[Exercise description]: Show all lines from the material that carry the word "TRANSOM".

[Listed records]:

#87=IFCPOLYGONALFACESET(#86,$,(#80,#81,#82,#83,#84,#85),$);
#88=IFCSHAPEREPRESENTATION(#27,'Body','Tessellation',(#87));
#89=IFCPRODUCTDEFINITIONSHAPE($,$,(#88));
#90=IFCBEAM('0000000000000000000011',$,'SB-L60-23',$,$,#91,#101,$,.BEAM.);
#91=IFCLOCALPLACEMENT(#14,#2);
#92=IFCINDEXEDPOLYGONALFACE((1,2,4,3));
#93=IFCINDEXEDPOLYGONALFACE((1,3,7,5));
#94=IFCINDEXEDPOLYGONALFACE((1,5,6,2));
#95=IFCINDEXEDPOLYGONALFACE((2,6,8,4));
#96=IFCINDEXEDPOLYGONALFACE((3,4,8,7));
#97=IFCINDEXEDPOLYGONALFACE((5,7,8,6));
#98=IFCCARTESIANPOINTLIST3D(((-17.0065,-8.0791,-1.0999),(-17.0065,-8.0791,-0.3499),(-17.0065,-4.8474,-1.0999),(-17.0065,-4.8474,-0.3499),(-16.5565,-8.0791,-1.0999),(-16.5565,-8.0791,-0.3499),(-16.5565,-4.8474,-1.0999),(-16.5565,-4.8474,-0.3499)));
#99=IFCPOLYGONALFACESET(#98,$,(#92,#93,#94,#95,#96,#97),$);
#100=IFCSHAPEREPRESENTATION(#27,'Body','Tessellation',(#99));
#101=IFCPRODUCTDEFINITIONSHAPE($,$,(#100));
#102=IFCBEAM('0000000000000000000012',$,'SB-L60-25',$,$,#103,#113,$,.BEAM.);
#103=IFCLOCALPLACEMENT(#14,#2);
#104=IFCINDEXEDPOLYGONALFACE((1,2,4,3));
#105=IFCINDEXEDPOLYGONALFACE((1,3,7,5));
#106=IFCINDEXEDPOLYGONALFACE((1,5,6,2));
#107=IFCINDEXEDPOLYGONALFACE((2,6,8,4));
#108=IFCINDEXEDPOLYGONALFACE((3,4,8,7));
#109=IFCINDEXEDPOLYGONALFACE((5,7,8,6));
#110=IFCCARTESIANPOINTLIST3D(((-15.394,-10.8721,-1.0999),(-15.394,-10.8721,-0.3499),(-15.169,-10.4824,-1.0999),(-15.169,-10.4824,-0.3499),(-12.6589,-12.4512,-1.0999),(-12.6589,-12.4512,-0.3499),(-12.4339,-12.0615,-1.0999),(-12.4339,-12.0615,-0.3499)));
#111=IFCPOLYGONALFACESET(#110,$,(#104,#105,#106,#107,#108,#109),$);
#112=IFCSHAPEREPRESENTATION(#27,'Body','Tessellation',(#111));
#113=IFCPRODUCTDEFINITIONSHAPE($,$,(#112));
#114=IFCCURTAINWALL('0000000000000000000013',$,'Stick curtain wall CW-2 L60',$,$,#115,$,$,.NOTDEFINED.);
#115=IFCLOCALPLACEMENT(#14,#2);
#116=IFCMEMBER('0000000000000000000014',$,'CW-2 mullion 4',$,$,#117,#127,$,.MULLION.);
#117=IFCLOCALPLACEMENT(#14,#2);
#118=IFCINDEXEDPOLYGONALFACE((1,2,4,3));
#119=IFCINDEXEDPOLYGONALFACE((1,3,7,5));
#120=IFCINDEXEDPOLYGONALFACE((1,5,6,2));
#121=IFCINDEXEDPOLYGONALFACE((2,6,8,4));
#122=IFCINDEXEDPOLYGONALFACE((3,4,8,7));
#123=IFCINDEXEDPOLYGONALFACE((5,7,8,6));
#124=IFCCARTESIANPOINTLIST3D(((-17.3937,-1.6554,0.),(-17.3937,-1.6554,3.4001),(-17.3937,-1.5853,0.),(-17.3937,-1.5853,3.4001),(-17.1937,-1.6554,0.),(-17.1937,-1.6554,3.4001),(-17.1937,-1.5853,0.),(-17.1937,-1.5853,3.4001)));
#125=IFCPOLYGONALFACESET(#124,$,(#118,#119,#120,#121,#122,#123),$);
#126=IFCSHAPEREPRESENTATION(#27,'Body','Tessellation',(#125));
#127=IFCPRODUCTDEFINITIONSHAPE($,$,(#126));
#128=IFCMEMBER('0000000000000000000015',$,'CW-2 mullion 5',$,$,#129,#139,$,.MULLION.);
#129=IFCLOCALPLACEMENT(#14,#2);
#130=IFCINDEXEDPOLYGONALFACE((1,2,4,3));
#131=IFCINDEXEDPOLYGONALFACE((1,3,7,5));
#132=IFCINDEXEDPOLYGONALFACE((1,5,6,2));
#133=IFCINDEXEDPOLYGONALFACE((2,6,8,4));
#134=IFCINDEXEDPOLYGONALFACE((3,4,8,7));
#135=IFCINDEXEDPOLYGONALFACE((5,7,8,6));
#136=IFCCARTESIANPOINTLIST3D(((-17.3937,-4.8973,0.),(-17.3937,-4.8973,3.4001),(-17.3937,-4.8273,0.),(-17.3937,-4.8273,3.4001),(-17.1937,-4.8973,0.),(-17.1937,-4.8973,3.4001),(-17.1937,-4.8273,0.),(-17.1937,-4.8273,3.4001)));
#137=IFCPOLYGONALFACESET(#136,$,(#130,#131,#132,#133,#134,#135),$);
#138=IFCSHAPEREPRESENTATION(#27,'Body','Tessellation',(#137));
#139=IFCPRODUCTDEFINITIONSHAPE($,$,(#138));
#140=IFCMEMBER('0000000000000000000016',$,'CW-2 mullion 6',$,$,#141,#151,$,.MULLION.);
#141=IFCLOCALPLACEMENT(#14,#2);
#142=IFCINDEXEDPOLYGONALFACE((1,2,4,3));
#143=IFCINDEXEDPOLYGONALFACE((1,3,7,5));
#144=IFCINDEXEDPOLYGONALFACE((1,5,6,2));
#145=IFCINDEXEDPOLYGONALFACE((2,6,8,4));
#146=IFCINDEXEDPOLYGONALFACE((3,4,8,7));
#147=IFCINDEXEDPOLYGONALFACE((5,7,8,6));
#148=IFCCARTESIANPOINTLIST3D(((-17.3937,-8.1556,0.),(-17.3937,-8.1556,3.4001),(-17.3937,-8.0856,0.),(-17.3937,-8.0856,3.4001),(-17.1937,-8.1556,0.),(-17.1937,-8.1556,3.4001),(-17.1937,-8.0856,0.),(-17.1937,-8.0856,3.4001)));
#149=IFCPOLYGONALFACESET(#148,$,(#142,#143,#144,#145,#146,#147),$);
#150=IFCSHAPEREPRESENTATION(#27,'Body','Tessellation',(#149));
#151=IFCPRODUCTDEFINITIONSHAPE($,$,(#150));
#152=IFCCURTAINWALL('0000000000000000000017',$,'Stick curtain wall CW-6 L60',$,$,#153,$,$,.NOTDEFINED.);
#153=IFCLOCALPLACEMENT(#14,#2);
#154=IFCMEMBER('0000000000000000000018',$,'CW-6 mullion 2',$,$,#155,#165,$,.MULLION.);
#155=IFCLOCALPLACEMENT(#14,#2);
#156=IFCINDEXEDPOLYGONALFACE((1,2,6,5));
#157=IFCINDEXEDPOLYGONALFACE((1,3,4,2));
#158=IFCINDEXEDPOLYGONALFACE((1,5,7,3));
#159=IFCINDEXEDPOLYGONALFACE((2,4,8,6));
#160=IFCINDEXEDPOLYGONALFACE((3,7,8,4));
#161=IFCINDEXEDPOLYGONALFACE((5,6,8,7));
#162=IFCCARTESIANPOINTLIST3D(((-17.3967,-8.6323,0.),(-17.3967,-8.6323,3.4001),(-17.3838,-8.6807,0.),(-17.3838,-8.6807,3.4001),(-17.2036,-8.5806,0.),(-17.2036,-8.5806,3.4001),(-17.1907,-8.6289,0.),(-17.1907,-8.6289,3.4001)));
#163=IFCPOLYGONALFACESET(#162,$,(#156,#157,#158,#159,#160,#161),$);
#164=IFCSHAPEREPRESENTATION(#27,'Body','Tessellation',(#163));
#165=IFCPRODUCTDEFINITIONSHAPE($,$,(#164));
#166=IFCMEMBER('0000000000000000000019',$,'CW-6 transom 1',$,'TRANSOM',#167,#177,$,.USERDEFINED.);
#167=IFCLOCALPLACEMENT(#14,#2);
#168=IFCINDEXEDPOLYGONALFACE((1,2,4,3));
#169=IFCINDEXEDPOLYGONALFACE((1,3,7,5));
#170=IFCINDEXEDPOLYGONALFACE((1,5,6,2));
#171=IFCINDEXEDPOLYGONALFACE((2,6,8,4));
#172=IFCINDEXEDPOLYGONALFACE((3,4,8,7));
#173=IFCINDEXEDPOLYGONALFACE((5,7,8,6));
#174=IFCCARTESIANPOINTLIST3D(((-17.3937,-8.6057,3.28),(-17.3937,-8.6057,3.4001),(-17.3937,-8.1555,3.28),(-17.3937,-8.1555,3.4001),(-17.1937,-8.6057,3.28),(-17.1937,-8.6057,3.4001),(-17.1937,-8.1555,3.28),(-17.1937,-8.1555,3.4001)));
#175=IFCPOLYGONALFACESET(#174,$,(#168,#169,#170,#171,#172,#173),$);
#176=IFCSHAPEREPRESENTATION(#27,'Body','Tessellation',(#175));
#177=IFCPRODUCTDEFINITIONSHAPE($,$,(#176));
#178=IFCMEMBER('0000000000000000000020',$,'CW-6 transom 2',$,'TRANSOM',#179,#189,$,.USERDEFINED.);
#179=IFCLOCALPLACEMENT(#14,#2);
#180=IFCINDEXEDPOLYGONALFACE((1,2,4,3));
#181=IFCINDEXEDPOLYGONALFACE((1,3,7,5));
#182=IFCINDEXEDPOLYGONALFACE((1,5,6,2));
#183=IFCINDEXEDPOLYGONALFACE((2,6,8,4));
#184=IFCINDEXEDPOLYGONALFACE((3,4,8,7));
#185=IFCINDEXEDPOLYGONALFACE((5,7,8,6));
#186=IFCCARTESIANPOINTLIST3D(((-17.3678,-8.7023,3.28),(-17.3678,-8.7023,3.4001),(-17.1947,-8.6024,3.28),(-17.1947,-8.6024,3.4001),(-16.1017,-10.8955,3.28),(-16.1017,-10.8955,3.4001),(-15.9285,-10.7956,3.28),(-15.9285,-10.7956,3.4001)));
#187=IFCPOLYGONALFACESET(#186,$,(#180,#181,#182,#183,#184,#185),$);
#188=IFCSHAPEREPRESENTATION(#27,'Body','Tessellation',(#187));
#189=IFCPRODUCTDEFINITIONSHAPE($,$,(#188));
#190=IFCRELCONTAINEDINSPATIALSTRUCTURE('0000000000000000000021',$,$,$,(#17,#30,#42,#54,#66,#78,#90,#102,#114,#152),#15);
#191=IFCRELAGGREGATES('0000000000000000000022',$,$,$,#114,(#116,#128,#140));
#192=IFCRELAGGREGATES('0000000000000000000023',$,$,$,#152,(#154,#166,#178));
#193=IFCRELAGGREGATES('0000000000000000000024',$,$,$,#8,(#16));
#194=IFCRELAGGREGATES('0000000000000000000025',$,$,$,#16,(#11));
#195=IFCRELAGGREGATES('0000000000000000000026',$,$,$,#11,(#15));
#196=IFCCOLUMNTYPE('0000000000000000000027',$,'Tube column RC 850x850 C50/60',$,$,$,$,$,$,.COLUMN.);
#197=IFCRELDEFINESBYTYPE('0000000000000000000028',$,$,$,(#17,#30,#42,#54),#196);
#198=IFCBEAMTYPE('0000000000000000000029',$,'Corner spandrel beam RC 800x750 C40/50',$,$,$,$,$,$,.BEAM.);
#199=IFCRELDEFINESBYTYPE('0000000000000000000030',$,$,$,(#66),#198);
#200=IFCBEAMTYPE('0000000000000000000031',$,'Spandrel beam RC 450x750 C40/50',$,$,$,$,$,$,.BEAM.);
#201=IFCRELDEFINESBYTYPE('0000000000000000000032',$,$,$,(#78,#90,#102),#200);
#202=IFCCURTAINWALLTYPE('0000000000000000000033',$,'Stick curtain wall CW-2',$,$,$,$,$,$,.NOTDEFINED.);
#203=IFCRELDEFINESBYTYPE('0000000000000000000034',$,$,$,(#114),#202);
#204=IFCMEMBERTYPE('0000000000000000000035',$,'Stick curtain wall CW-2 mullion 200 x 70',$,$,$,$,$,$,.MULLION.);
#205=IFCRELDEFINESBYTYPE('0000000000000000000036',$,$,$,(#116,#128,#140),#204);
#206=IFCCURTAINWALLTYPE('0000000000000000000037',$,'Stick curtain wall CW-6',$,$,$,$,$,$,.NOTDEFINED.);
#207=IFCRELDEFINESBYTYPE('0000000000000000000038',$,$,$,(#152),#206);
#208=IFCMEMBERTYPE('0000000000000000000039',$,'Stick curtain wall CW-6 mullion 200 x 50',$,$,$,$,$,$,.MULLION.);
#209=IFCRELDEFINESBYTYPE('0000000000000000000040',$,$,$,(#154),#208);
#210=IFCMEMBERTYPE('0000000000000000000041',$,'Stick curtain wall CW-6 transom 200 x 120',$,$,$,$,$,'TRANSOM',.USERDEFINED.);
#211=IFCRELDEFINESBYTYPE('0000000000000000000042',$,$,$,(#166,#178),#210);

[Result below]:
#166=IFCMEMBER('0000000000000000000019',$,'CW-6 transom 1',$,'TRANSOM',#167,#177,$,.USERDEFINED.);
#178=IFCMEMBER('0000000000000000000020',$,'CW-6 transom 2',$,'TRANSOM',#179,#189,$,.USERDEFINED.);
#210=IFCMEMBERTYPE('0000000000000000000041',$,'Stick curtain wall CW-6 transom 200 x 120',$,$,$,$,$,'TRANSOM',.USERDEFINED.);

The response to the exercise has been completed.